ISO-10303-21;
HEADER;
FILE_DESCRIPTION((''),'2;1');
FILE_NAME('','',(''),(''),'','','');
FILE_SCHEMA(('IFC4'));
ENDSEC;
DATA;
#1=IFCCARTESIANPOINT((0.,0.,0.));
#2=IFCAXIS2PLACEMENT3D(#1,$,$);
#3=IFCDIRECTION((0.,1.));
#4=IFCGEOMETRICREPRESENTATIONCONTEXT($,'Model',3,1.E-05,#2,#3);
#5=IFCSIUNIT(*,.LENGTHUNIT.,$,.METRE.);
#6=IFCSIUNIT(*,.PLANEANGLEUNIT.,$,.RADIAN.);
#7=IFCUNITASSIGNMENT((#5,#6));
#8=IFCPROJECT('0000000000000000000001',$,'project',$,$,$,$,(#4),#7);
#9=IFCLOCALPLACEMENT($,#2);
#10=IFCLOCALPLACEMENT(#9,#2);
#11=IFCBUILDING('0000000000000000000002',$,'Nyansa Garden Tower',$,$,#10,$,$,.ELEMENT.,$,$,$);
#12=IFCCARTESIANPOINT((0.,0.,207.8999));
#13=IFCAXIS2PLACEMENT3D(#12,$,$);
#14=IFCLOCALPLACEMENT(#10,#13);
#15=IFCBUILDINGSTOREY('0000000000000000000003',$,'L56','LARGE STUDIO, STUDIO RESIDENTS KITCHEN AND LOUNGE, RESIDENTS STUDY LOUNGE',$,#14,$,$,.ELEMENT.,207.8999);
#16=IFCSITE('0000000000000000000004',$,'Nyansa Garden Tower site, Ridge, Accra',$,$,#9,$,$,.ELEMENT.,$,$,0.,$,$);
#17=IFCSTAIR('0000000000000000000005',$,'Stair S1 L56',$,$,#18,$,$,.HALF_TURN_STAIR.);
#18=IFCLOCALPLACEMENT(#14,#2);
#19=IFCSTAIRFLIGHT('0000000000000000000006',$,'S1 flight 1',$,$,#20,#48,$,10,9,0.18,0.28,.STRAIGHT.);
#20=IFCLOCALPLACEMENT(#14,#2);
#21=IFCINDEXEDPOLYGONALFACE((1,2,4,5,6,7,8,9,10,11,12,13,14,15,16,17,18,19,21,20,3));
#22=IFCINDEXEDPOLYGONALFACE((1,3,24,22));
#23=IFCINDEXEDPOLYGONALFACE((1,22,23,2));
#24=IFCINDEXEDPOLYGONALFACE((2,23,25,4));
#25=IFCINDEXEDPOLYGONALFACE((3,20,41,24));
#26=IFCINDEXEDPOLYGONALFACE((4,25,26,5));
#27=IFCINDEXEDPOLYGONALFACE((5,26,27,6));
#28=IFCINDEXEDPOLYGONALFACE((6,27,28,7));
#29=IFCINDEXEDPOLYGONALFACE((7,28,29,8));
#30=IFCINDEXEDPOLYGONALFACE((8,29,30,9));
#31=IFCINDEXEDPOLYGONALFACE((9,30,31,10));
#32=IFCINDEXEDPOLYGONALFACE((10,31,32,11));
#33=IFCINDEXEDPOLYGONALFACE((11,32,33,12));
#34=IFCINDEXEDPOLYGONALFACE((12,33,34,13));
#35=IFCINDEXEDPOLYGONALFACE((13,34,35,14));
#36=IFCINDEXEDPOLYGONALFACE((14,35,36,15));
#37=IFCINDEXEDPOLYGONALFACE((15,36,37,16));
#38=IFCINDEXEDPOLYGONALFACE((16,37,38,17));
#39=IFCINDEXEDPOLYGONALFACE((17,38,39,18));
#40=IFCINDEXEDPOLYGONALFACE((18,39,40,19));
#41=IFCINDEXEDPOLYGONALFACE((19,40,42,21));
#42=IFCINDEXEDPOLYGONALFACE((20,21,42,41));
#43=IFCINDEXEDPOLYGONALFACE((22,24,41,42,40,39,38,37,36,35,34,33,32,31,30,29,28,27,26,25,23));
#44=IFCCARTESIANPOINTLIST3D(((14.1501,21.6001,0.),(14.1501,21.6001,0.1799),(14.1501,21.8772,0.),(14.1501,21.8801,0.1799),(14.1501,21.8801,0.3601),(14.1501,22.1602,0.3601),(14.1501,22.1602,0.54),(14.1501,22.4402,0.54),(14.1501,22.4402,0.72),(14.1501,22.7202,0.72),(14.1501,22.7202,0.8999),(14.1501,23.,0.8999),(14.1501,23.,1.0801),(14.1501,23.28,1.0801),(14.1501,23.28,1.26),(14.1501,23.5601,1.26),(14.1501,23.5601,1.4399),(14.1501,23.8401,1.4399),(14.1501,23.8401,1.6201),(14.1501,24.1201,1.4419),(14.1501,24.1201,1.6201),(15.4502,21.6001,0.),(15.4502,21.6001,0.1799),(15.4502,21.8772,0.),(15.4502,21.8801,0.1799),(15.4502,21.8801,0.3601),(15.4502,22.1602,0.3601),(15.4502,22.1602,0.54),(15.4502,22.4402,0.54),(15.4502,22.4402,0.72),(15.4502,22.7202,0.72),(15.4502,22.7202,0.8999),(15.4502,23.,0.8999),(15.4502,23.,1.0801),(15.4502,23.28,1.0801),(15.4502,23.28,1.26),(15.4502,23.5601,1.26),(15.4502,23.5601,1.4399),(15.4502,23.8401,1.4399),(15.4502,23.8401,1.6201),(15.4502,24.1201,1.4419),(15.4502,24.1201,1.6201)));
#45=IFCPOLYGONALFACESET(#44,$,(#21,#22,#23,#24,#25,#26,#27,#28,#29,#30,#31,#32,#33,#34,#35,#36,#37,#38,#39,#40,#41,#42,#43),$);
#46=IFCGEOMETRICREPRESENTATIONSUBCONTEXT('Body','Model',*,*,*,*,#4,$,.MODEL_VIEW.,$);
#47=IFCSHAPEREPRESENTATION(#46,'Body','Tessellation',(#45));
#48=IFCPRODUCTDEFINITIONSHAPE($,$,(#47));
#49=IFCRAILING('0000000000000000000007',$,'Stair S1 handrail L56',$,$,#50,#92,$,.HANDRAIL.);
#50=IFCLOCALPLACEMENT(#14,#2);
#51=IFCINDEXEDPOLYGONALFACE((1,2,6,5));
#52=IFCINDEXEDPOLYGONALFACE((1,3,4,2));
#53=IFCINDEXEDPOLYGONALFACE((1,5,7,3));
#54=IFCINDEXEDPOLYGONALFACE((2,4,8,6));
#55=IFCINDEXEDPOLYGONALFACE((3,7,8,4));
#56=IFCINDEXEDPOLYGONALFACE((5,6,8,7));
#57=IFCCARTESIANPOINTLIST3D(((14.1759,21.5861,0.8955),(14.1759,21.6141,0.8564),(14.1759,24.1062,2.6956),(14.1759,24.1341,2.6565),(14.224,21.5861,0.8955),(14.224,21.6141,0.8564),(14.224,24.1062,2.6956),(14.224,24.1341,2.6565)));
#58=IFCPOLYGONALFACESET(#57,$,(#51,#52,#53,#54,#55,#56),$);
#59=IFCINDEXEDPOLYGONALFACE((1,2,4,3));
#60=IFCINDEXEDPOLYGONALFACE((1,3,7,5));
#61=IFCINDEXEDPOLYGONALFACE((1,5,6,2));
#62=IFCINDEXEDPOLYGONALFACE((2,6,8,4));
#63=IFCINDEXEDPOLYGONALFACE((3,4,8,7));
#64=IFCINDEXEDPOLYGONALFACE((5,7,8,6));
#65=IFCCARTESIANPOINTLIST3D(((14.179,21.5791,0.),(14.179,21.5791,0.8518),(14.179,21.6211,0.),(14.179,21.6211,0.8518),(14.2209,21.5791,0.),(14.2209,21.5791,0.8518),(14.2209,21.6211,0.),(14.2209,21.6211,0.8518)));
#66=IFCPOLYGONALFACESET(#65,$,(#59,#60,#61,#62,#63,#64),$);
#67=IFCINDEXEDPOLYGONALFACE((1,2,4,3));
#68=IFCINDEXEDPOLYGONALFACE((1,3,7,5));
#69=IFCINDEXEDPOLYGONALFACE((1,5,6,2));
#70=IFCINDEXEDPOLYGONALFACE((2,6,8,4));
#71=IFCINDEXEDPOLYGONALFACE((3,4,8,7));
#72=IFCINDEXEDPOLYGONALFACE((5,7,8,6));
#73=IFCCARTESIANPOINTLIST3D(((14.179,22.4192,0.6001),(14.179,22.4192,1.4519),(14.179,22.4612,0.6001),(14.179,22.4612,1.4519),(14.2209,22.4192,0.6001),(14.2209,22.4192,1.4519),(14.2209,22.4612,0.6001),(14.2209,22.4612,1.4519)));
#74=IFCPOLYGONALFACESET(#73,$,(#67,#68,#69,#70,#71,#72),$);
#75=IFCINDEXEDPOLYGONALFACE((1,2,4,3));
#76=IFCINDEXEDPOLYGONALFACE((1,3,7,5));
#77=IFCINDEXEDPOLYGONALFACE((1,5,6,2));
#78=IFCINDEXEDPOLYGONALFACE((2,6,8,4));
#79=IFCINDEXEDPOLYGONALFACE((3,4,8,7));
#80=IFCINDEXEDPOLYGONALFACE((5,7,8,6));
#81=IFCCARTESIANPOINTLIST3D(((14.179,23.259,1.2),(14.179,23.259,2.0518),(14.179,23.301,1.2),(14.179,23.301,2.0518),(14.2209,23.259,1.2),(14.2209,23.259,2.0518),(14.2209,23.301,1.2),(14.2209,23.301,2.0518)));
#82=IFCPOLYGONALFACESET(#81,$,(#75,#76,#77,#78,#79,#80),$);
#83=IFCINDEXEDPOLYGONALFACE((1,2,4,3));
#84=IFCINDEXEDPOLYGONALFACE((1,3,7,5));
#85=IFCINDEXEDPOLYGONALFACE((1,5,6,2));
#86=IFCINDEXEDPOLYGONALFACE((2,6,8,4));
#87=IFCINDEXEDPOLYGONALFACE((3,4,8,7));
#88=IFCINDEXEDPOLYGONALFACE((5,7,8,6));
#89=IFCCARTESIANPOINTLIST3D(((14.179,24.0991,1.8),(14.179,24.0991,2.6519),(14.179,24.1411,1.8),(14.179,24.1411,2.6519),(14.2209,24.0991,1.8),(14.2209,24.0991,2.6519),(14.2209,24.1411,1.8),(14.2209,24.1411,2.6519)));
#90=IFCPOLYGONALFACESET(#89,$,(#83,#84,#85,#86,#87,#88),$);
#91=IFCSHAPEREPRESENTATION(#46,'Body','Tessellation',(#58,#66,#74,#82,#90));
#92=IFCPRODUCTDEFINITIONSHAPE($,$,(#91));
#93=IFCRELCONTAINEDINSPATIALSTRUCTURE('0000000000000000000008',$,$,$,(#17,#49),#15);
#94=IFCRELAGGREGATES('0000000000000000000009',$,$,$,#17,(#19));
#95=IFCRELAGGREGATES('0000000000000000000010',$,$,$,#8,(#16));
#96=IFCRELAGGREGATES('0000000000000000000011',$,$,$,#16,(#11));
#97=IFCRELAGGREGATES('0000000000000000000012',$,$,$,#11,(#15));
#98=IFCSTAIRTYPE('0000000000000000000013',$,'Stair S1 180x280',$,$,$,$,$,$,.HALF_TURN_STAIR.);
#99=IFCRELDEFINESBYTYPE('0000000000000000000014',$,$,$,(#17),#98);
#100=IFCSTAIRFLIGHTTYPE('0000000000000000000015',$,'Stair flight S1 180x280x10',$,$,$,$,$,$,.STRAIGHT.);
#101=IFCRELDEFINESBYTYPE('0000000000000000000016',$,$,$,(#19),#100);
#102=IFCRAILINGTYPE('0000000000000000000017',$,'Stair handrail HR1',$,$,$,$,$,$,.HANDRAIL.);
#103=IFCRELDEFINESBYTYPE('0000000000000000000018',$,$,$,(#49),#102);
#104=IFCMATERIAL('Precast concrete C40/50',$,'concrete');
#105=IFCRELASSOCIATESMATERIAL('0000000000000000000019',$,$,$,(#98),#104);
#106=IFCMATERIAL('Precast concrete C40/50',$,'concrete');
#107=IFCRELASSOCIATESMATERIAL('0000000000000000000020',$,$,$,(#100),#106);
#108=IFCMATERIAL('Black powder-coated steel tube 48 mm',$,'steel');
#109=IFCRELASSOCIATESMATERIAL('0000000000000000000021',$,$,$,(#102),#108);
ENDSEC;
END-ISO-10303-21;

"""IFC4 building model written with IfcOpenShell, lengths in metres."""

from ifc_helpers import new_model, si_unit, direction, frame, origin, origin_2d, place, context, subcontext, project, spatial, polyline, rectangle, outline, extrude, material, type_object, element, aggregate, save


model = new_model("IFC4")

# Units and contexts
model_context = context("Model", 3, precision=1e-05, world=origin(), true_north=direction((0.0, 1.0)))
body_context = subcontext(model_context, "Body", "Model", "MODEL_VIEW")
ifc_project = project(units=[si_unit("LENGTHUNIT", "METRE"), si_unit("PLANEANGLEUNIT", "RADIAN")], contexts=[model_context])

# Site, building, storey
site_placement = place(None, origin())
site = spatial("IfcSite", under=ifc_project, at=site_placement, Name="Nyansa Garden Tower site, Ridge, Accra", CompositionType="ELEMENT", RefElevation=0.0)
building_placement = place(site_placement, origin())
building = spatial("IfcBuilding", under=site, at=building_placement, Name="Nyansa Garden Tower", CompositionType="ELEMENT")
storey_placement = place(building_placement, frame((0.0, 0.0, 207.8999)))
storey = spatial("IfcBuildingStorey", under=building, at=storey_placement, Name="L56", Description="LARGE STUDIO, STUDIO RESIDENTS KITCHEN AND LOUNGE, RESIDENTS STUDY LOUNGE", CompositionType="ELEMENT", Elevation=207.8999)

# Stair, stair flight
ifc_material_1 = material(Name="Precast concrete C40/50", Category="concrete")
stair_type = type_object("IfcStairType", Name="Stair S1 180x280", PredefinedType="HALF_TURN_STAIR", material=ifc_material_1)
stair_placement = place(storey_placement, origin())
stair = element("IfcStair", 1, at=stair_placement, inside=storey, type_object=stair_type, Name="Stair S1 L56", PredefinedType="HALF_TURN_STAIR")
ifc_material_2 = material(Name="Precast concrete C40/50", Category="concrete")
stair_flight_type = type_object("IfcStairFlightType", Name="Stair flight S1 180x280x10", PredefinedType="STRAIGHT", material=ifc_material_2)
stair_flight_placement = place(storey_placement, frame((14.8, 21.6001, 0.0), z_axis=(0.0, 0.0, 1.0), x_axis=(0.0, 1.0, 0.0)))
stair_flight = element("IfcStairFlight", 2, at=stair_flight_placement, type_object=stair_flight_type, Name="S1 flight 1", NumberOfRisers=10, NumberOfTreads=9, PredefinedType="STRAIGHT", RiserHeight=0.18, TreadLength=0.28, context=body_context, shape_type="SweptSolid", body=[
    extrude(outline(polyline([(0.0, 0.0), (0.0, 0.1799), (0.28, 0.1799), (0.28, 0.3601), (0.5601, 0.3601), (0.5601, 0.54), (0.8401, 0.54), (0.8401, 0.72), (1.1201, 0.72), (1.1201, 0.8999), (1.3999, 0.8999), (1.3999, 1.0801), (1.6799, 1.0801), (1.6799, 1.26), (1.96, 1.26), (1.96, 1.4399), (2.24, 1.4399), (2.24, 1.6201), (2.52, 1.6201), (2.52, 1.8), (2.52, 1.4419), (0.2771, 0.0), (0.0, 0.0)])), frame((0.0, 0.6499, 0.0), z_axis=(0.0, -1.0, 0.0), x_axis=(1.0, 0.0, 0.0)), (0.0, 0.0, 1.0), 1.3),
])
aggregate(stair, [stair_flight])

# Railing
ifc_material_3 = material(Name="Black powder-coated steel tube 48 mm", Category="steel")
railing_type = type_object("IfcRailingType", Name="Stair handrail HR1", PredefinedType="HANDRAIL", material=ifc_material_3)
railing_placement = place(storey_placement, frame((14.2, 21.6001, 0.0)))
element("IfcRailing", 3, at=railing_placement, inside=storey, type_object=railing_type, Name="Stair S1 handrail L56", PredefinedType="HANDRAIL", context=body_context, shape_type="SweptSolid", body=[
    extrude(rectangle(XDim=0.0481, YDim=0.0481, at=origin_2d()), frame((0.0, 0.0, 0.876), z_axis=(0.0, 0.813728, 0.581246), x_axis=(-1.0, 0.0, 0.0)), (0.0, 0.0, 1.0), 3.0969),
    extrude(rectangle(XDim=0.042, YDim=0.042, at=origin_2d()), origin(), (0.0, 0.0, 1.0), 0.8518),
    extrude(rectangle(XDim=0.042, YDim=0.042, at=origin_2d()), frame((0.0, 0.8401, 0.6001)), (0.0, 0.0, 1.0), 0.8518),
    extrude(rectangle(XDim=0.042, YDim=0.042, at=origin_2d()), frame((0.0, 1.6799, 1.2)), (0.0, 0.0, 1.0), 0.8518),
    extrude(rectangle(XDim=0.042, YDim=0.042, at=origin_2d()), frame((0.0, 2.52, 1.8)), (0.0, 0.0, 1.0), 0.8518),
])

save(model, "model.ifc")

━━━

*Task details*.
Copy out every line of the material above that contains the string "IFCRELDEFINESBYTYPE".

*Written answer*.
#99=IFCRELDEFINESBYTYPE('0000000000000000000014',$,$,$,(#17),#98);
#101=IFCRELDEFINESBYTYPE('0000000000000000000016',$,$,$,(#19),#100);
#103=IFCRELDEFINESBYTYPE('0000000000000000000018',$,$,$,(#49),#102);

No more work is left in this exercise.